**Exercise goal**
Starting at the top of the entries, restate word for word each line up to and including the one with "#176=IFCSHAPEREPRESENTATION(#55,'Body','Tessellation',(#175));".
*** Source records ***
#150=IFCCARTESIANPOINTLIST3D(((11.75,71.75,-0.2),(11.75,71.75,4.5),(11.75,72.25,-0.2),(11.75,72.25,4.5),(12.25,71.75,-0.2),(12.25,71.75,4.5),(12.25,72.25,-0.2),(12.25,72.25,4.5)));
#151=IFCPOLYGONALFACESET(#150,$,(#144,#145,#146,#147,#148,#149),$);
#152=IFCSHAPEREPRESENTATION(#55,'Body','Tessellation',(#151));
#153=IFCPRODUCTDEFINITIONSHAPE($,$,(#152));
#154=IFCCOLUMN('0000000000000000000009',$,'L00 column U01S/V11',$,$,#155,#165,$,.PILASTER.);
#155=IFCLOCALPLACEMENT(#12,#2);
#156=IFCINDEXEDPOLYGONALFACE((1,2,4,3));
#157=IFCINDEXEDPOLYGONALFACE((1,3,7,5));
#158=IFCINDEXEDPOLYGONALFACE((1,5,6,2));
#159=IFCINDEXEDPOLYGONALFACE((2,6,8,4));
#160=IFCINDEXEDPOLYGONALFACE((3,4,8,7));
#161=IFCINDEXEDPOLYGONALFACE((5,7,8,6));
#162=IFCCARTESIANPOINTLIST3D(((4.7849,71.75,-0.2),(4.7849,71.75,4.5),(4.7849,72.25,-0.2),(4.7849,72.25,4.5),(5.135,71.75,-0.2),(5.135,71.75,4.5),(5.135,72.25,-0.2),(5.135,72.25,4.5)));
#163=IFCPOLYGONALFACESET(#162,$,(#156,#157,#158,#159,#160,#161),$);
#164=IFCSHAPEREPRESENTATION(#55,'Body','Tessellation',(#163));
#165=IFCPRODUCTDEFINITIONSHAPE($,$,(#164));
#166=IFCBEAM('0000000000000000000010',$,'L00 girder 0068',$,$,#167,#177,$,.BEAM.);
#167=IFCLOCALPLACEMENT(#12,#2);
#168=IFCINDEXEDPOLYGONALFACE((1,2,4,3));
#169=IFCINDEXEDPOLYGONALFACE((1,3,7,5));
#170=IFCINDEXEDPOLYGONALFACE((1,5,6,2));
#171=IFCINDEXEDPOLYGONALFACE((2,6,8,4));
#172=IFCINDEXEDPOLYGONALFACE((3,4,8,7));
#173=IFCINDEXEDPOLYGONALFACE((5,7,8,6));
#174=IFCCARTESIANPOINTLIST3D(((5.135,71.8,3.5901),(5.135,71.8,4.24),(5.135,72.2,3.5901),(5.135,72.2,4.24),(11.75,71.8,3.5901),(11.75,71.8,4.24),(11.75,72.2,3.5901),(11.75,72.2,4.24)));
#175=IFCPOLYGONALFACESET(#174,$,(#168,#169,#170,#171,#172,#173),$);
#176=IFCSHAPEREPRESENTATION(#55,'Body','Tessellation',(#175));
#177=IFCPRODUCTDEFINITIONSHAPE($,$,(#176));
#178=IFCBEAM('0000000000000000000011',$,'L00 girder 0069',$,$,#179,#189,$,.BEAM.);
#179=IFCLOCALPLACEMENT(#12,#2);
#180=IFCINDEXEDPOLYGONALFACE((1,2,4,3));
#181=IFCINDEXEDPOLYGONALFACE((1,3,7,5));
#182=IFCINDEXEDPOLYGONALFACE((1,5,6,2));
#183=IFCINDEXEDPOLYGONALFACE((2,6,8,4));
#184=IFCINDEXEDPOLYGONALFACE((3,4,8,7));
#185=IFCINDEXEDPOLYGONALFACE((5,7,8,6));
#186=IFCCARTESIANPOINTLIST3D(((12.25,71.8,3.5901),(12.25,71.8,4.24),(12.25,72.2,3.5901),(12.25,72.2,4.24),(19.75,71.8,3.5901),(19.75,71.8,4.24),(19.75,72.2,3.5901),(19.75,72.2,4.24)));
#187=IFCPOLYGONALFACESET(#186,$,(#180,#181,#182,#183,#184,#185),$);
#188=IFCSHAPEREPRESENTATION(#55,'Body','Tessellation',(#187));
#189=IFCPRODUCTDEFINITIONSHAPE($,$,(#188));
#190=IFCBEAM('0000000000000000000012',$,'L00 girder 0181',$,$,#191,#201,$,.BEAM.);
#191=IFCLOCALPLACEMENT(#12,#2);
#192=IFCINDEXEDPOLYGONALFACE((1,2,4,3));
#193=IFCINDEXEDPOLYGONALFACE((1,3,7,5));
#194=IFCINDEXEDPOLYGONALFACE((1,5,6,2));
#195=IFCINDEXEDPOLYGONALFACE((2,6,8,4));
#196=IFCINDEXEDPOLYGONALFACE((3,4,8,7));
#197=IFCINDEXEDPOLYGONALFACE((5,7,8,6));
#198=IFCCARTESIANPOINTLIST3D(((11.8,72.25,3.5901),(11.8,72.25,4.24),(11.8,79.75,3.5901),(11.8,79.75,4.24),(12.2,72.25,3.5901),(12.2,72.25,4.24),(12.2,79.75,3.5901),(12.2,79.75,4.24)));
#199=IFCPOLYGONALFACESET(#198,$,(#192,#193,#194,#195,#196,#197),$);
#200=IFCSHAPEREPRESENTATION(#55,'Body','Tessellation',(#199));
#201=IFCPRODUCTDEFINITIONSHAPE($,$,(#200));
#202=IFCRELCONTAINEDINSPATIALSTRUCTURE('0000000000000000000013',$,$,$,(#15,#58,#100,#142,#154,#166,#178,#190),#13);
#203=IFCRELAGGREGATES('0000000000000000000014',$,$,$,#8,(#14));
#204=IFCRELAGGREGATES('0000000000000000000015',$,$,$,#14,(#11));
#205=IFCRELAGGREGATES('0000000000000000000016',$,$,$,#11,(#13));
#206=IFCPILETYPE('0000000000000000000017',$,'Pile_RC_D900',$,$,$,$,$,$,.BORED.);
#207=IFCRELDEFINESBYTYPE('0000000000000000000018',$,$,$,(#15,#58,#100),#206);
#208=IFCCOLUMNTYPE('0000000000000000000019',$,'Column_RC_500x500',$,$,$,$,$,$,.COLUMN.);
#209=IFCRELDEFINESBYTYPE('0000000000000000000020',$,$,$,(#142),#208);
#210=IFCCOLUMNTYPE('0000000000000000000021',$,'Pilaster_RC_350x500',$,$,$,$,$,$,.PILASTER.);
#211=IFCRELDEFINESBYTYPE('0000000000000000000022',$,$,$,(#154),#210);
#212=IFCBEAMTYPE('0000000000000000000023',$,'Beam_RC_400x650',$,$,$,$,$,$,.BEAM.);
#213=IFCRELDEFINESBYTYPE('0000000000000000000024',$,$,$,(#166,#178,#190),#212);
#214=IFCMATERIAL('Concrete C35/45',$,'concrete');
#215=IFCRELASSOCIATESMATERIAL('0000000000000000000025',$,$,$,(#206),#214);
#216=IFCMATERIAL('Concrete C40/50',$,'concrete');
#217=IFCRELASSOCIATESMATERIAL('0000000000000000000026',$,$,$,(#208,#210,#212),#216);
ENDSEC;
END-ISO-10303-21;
*** End of Source records ***
**Completed task**
#150=IFCCARTESIANPOINTLIST3D(((11.75,71.75,-0.2),(11.75,71.75,4.5),(11.75,72.25,-0.2),(11.75,72.25,4.5),(12.25,71.75,-0.2),(12.25,71.75,4.5),(12.25,72.25,-0.2),(12.25,72.25,4.5)));
#151=IFCPOLYGONALFACESET(#150,$,(#144,#145,#146,#147,#148,#149),$);
#152=IFCSHAPEREPRESENTATION(#55,'Body','Tessellation',(#151));
#153=IFCPRODUCTDEFINITIONSHAPE($,$,(#152));
#154=IFCCOLUMN('0000000000000000000009',$,'L00 column U01S/V11',$,$,#155,#165,$,.PILASTER.);
#155=IFCLOCALPLACEMENT(#12,#2);
#156=IFCINDEXEDPOLYGONALFACE((1,2,4,3));
#157=IFCINDEXEDPOLYGONALFACE((1,3,7,5));
#158=IFCINDEXEDPOLYGONALFACE((1,5,6,2));
#159=IFCINDEXEDPOLYGONALFACE((2,6,8,4));
#160=IFCINDEXEDPOLYGONALFACE((3,4,8,7));
#161=IFCINDEXEDPOLYGONALFACE((5,7,8,6));
#162=IFCCARTESIANPOINTLIST3D(((4.7849,71.75,-0.2),(4.7849,71.75,4.5),(4.7849,72.25,-0.2),(4.7849,72.25,4.5),(5.135,71.75,-0.2),(5.135,71.75,4.5),(5.135,72.25,-0.2),(5.135,72.25,4.5)));
#163=IFCPOLYGONALFACESET(#162,$,(#156,#157,#158,#159,#160,#161),$);
#164=IFCSHAPEREPRESENTATION(#55,'Body','Tessellation',(#163));
#165=IFCPRODUCTDEFINITIONSHAPE($,$,(#164));
#166=IFCBEAM('0000000000000000000010',$,'L00 girder 0068',$,$,#167,#177,$,.BEAM.);
#167=IFCLOCALPLACEMENT(#12,#2);
#168=IFCINDEXEDPOLYGONALFACE((1,2,4,3));
#169=IFCINDEXEDPOLYGONALFACE((1,3,7,5));
#170=IFCINDEXEDPOLYGONALFACE((1,5,6,2));
#171=IFCINDEXEDPOLYGONALFACE((2,6,8,4));
#172=IFCINDEXEDPOLYGONALFACE((3,4,8,7));
#173=IFCINDEXEDPOLYGONALFACE((5,7,8,6));
#174=IFCCARTESIANPOINTLIST3D(((5.135,71.8,3.5901),(5.135,71.8,4.24),(5.135,72.2,3.5901),(5.135,72.2,4.24),(11.75,71.8,3.5901),(11.75,71.8,4.24),(11.75,72.2,3.5901),(11.75,72.2,4.24)));
#175=IFCPOLYGONALFACESET(#174,$,(#168,#169,#170,#171,#172,#173),$);
#176=IFCSHAPEREPRESENTATION(#55,'Body','Tessellation',(#175));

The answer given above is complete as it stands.